## TASK TO CARRY OUT:
Scan the records for "IFCSIUNIT" and copy each line that contains it.

## SUPPLIED DATA:

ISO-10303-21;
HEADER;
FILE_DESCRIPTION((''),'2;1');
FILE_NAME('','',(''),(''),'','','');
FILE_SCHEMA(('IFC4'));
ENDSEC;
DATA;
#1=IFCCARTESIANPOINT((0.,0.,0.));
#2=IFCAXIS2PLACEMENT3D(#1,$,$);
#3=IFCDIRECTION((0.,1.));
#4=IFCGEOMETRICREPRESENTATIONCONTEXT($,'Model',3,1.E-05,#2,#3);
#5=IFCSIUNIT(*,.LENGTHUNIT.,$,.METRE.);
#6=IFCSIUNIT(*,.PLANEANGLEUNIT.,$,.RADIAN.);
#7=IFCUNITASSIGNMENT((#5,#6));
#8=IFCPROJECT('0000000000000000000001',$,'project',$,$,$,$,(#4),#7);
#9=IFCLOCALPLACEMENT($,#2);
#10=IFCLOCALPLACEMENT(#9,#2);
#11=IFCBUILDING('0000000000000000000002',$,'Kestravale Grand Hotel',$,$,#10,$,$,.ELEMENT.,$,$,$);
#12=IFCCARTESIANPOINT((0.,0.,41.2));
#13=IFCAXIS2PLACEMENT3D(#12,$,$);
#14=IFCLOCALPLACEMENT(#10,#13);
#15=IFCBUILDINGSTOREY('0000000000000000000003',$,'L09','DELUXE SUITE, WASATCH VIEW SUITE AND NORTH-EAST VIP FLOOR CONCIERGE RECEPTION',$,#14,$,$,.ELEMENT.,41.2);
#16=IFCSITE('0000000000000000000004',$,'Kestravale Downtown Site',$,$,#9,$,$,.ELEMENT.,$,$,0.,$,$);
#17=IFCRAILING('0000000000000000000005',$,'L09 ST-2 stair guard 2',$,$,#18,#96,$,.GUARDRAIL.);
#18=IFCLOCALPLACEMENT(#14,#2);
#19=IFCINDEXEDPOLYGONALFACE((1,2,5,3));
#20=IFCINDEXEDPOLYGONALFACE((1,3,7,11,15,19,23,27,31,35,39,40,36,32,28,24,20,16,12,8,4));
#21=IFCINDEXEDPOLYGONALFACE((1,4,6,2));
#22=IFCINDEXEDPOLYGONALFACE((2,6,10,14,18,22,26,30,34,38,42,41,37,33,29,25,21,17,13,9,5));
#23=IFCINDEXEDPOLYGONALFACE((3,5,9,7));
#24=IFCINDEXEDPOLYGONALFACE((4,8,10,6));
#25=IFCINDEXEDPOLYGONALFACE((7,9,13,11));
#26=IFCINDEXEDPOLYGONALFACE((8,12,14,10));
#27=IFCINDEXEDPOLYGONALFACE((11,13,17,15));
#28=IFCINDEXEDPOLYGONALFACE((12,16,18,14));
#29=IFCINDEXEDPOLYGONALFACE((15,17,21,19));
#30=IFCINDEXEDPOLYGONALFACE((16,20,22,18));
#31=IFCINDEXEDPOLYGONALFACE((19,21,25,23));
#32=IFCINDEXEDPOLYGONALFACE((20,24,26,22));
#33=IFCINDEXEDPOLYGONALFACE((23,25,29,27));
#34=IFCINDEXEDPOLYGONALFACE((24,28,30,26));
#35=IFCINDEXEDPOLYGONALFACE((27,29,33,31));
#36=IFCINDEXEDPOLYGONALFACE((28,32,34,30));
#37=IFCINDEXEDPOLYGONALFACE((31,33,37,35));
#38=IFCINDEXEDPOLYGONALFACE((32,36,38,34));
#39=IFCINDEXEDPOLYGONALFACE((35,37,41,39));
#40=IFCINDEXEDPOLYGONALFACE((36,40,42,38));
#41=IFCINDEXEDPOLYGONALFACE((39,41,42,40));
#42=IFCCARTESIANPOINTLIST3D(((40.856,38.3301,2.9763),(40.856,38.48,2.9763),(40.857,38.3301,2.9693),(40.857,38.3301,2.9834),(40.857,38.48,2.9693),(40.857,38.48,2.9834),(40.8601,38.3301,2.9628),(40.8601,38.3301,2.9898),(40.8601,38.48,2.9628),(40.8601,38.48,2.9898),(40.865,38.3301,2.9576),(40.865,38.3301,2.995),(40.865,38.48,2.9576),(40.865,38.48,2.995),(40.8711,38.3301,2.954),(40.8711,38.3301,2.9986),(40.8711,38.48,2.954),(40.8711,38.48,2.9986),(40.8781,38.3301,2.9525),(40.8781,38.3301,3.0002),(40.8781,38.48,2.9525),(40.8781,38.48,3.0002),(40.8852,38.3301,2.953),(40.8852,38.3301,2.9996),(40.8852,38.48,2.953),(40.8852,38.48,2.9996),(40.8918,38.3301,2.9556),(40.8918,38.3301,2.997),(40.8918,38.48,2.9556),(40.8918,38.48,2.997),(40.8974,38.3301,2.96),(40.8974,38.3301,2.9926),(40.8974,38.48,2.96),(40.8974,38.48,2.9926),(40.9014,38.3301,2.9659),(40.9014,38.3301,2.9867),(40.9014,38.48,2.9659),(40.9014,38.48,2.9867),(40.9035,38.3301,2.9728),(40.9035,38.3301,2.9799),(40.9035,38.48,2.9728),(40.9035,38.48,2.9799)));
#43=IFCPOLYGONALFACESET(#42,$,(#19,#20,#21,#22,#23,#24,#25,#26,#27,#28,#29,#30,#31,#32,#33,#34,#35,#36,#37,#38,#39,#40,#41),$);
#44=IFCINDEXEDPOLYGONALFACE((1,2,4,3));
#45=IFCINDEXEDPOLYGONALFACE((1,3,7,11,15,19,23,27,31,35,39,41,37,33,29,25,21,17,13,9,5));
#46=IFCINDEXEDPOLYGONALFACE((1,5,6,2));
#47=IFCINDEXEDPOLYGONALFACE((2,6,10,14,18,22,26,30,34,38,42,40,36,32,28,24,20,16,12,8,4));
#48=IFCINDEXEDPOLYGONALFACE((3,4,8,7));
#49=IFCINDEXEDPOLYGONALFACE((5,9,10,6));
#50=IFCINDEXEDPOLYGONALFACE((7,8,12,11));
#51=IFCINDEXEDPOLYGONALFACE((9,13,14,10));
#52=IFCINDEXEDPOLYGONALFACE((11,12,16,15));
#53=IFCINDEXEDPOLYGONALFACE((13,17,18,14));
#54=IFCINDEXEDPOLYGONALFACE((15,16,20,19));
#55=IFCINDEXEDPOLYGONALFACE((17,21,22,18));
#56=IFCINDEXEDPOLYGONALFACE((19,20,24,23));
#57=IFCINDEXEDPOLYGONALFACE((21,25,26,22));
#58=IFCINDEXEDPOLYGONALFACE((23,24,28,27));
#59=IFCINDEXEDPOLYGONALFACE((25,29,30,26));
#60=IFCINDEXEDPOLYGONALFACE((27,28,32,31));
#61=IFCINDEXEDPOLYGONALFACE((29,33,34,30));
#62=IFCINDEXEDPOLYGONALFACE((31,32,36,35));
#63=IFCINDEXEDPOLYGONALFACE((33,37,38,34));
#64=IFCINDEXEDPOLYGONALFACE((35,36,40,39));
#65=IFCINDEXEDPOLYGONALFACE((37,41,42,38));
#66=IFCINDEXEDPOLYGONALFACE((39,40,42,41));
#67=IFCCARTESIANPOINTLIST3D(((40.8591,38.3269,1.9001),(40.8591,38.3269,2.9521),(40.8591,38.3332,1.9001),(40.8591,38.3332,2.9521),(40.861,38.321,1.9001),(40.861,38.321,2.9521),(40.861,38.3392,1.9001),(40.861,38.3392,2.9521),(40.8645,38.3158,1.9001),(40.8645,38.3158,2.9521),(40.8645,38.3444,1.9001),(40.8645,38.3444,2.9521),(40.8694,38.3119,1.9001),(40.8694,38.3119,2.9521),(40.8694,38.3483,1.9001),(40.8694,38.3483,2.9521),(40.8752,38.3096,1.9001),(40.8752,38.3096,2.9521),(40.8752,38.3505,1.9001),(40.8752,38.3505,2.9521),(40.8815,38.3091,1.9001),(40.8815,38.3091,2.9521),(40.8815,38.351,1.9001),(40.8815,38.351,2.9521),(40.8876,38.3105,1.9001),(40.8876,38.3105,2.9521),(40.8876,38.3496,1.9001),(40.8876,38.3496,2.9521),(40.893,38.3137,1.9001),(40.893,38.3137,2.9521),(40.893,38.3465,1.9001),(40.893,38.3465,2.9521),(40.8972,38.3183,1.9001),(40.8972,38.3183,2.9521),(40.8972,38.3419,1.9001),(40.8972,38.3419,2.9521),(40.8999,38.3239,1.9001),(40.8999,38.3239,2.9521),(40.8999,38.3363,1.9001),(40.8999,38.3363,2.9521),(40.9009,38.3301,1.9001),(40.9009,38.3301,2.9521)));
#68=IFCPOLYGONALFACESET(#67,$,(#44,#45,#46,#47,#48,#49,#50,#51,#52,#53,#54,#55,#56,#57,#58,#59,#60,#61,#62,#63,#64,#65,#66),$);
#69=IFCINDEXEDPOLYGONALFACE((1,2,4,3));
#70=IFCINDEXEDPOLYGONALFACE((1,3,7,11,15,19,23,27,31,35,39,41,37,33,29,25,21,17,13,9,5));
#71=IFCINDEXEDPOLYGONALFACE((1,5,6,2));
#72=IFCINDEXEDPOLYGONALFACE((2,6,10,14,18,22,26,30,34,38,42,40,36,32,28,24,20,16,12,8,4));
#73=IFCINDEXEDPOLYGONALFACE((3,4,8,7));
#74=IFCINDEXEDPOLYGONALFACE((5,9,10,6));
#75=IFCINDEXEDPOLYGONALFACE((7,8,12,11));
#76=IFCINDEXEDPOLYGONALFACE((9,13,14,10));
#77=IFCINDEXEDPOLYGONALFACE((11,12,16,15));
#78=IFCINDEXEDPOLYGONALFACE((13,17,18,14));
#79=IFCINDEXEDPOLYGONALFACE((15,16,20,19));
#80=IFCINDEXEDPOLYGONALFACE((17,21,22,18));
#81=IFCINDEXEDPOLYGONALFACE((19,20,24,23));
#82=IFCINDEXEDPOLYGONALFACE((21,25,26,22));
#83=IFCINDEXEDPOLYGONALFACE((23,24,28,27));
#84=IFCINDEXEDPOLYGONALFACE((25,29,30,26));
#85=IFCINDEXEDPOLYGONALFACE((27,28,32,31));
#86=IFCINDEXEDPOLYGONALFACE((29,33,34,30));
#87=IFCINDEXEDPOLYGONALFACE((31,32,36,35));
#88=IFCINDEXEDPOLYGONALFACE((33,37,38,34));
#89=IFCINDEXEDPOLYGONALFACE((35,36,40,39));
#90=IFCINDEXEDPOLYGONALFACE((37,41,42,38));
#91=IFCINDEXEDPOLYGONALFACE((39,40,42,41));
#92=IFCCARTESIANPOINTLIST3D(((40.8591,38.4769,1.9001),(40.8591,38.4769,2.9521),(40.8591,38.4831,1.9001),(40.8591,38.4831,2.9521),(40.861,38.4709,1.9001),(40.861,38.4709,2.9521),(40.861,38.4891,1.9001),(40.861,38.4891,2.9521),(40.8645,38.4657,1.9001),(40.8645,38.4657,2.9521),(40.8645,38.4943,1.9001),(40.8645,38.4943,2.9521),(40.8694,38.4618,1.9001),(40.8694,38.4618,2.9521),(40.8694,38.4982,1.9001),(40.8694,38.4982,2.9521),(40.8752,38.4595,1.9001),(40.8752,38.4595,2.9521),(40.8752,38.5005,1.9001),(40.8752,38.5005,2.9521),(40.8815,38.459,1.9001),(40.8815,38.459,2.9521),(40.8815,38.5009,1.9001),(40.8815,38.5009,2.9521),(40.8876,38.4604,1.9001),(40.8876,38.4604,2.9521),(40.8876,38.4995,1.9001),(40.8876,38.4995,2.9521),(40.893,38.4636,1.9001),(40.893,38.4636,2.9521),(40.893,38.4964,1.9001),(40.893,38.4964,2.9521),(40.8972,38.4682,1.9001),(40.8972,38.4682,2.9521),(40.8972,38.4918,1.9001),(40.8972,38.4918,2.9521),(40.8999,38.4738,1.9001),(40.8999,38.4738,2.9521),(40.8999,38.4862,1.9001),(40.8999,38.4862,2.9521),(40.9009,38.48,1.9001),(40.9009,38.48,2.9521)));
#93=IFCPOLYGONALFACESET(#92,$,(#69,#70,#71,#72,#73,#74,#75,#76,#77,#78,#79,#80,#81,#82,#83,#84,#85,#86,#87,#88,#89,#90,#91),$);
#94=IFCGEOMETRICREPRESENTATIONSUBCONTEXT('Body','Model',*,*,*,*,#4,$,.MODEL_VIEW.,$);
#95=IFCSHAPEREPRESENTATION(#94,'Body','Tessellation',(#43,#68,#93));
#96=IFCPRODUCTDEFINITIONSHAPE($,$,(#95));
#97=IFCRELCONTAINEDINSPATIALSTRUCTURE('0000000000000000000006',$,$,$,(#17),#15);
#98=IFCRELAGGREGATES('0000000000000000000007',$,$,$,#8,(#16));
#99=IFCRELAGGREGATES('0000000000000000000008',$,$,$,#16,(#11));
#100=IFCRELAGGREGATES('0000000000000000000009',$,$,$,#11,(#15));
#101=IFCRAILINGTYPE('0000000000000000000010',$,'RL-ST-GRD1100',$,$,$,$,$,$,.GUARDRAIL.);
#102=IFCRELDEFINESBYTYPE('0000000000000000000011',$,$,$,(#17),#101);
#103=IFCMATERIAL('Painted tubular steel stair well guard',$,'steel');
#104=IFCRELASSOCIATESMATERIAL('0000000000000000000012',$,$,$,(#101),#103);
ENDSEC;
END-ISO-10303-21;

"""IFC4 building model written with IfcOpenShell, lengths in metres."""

from ifc_helpers import new_model, si_unit, direction, frame, origin, origin_2d, place, context, subcontext, project, spatial, circle, extrude, material, type_object, element, save


model = new_model("IFC4")

# Units and contexts
model_context = context("Model", 3, precision=1e-05, world=origin(), true_north=direction((0.0, 1.0)))
body_context = subcontext(model_context, "Body", "Model", "MODEL_VIEW")
ifc_project = project(units=[si_unit("LENGTHUNIT", "METRE"), si_unit("PLANEANGLEUNIT", "RADIAN")], contexts=[model_context])

# Site, building, storey
site_placement = place(None, origin())
site = spatial("IfcSite", under=ifc_project, at=site_placement, Name="Kestravale Downtown Site", CompositionType="ELEMENT", RefElevation=0.0)
building_placement = place(site_placement, origin())
building = spatial("IfcBuilding", under=site, at=building_placement, Name="Kestravale Grand Hotel", CompositionType="ELEMENT")
storey_placement = place(building_placement, frame((0.0, 0.0, 41.2)))
storey = spatial("IfcBuildingStorey", under=building, at=storey_placement, Name="L09", Description="DELUXE SUITE, WASATCH VIEW SUITE AND NORTH-EAST VIP FLOOR CONCIERGE RECEPTION", CompositionType="ELEMENT", Elevation=41.2)

# Railing
ifc_material_1 = material(Name="Painted tubular steel stair well guard", Category="steel")
railing_type_1 = type_object("IfcRailingType", Name="RL-ST-GRD1100", PredefinedType="GUARDRAIL", material=ifc_material_1)
railing_1_placement = place(storey_placement, frame((40.8799, 38.3301, 1.9001)))
element("IfcRailing", 1, at=railing_1_placement, inside=storey, type_object=railing_type_1, Name="L09 ST-2 stair guard 2", PredefinedType="GUARDRAIL", context=body_context, shape_type="SweptSolid", body=[
    extrude(circle(Radius=0.0239, at=origin_2d()), frame((0.0, 0.0, 1.0762), z_axis=(0.0, 1.0, 0.0), x_axis=(-1.0, 0.0, 0.0)), (0.0, 0.0, 1.0), 0.1499),
    extrude(circle(Radius=0.021, at=origin_2d()), origin(), (0.0, 0.0, 1.0), 1.052),
    extrude(circle(Radius=0.021, at=origin_2d()), frame((0.0, 0.1499, 0.0)), (0.0, 0.0, 1.0), 1.052),
])

save(model, "model.ifc")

## RESULT OF THIS EXERCISE:
#5=IFCSIUNIT(*,.LENGTHUNIT.,$,.METRE.);
#6=IFCSIUNIT(*,.PLANEANGLEUNIT.,$,.RADIAN.);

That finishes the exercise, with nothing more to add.